**Material for the task:**
+===+

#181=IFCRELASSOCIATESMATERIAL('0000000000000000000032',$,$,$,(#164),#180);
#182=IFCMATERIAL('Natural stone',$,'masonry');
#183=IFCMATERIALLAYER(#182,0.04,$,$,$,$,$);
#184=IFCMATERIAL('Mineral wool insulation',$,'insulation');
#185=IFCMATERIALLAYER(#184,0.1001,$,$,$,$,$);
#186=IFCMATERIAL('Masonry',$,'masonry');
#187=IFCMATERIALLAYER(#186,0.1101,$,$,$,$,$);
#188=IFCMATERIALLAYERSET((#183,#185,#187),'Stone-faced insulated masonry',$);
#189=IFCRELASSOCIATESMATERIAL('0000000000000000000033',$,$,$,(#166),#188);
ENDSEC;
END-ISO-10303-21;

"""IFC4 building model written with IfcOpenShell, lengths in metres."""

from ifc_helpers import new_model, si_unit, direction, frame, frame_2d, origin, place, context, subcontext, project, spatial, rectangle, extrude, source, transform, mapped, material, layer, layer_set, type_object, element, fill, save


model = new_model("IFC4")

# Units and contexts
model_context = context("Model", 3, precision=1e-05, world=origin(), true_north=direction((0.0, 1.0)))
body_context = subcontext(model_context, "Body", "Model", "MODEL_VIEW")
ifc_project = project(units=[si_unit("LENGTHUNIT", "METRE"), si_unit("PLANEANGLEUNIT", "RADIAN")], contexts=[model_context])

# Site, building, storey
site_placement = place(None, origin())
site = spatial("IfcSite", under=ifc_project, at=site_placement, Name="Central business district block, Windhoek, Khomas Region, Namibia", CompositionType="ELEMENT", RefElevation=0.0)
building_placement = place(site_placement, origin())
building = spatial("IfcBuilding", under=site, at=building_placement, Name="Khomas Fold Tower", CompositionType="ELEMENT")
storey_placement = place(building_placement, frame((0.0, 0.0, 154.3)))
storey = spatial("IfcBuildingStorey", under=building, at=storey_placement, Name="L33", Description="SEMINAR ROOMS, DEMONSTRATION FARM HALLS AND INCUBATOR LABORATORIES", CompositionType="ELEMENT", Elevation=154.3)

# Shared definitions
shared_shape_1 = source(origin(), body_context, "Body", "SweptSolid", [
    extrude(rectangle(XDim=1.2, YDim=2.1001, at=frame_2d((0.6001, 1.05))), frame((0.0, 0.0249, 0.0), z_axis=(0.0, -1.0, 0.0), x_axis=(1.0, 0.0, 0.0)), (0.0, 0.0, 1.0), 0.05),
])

+===+

**What to do:** Repeat word for word the lines above that run from the line containing "#185=IFCMATERIALLAYER(#184,0.1001,$,$,$,$,$);" through the line containing "END-ISO-10303-21;", both ends included, and nothing else.

**Written response:**
#185=IFCMATERIALLAYER(#184,0.1001,$,$,$,$,$);
#186=IFCMATERIAL('Masonry',$,'masonry');
#187=IFCMATERIALLAYER(#186,0.1101,$,$,$,$,$);
#188=IFCMATERIALLAYERSET((#183,#185,#187),'Stone-faced insulated masonry',$);
#189=IFCRELASSOCIATESMATERIAL('0000000000000000000033',$,$,$,(#166),#188);
ENDSEC;
END-ISO-10303-21;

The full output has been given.